* **EXTRACTED MATERIAL**:

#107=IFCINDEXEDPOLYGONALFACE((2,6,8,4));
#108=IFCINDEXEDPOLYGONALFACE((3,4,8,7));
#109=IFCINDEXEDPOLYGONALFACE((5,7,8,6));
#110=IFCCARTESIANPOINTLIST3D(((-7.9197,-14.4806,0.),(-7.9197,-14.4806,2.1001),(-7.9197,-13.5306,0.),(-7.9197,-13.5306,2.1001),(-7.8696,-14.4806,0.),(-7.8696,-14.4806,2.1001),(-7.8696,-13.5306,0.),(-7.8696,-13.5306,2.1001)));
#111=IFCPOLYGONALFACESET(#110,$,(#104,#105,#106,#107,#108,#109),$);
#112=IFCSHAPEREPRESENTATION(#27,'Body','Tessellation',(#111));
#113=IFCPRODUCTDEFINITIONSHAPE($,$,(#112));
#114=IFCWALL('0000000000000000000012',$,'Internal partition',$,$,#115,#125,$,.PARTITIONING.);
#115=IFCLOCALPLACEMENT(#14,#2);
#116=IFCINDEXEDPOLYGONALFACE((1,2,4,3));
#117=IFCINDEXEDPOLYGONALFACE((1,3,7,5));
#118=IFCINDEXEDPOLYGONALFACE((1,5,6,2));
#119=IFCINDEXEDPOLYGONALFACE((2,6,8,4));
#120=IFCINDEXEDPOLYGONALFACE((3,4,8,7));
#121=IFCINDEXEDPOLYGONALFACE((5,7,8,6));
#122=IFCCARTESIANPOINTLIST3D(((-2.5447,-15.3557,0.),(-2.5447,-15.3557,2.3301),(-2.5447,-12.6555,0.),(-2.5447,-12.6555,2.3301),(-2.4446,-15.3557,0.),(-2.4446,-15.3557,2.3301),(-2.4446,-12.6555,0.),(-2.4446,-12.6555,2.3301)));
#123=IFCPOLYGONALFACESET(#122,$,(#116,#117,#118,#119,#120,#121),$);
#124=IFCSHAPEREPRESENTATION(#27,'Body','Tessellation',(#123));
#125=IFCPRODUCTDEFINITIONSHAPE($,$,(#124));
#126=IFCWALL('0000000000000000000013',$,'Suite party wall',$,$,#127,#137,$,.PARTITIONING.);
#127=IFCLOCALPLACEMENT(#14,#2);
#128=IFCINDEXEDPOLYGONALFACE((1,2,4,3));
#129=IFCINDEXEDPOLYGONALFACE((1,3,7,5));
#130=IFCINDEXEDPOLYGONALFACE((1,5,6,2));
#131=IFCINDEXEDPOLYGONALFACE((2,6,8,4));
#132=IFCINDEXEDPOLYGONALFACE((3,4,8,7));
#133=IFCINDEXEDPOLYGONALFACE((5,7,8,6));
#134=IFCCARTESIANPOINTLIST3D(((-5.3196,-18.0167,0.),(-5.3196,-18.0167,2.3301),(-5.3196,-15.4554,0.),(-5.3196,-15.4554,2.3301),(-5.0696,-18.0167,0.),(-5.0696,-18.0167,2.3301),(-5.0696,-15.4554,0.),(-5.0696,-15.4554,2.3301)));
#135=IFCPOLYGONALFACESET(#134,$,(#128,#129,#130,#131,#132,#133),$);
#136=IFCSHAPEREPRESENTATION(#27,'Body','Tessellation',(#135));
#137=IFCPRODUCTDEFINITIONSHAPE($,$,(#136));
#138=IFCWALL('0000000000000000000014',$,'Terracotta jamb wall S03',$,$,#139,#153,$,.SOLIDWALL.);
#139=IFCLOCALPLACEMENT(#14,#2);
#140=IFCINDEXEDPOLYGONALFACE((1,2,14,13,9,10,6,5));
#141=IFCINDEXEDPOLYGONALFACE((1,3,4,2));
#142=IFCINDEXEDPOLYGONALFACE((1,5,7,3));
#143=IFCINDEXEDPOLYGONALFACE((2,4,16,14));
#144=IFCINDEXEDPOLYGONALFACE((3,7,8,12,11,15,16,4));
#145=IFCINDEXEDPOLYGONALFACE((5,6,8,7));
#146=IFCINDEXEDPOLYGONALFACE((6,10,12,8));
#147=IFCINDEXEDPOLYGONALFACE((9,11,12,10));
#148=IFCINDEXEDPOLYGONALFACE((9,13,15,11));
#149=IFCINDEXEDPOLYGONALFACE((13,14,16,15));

* **EXERCISE OBJECTIVE**: Print only what lies in the material above starting at the line with "#112=IFCSHAPEREPRESENTATION(#27,'Body','Tessellation',(#111));" and ending at the line with "#120=IFCINDEXEDPOLYGONALFACE((3,4,8,7));", every line exactly as given.

* **EXERCISE RESPONSE**:
#112=IFCSHAPEREPRESENTATION(#27,'Body','Tessellation',(#111));
#113=IFCPRODUCTDEFINITIONSHAPE($,$,(#112));
#114=IFCWALL('0000000000000000000012',$,'Internal partition',$,$,#115,#125,$,.PARTITIONING.);
#115=IFCLOCALPLACEMENT(#14,#2);
#116=IFCINDEXEDPOLYGONALFACE((1,2,4,3));
#117=IFCINDEXEDPOLYGONALFACE((1,3,7,5));
#118=IFCINDEXEDPOLYGONALFACE((1,5,6,2));
#119=IFCINDEXEDPOLYGONALFACE((2,6,8,4));
#120=IFCINDEXEDPOLYGONALFACE((3,4,8,7));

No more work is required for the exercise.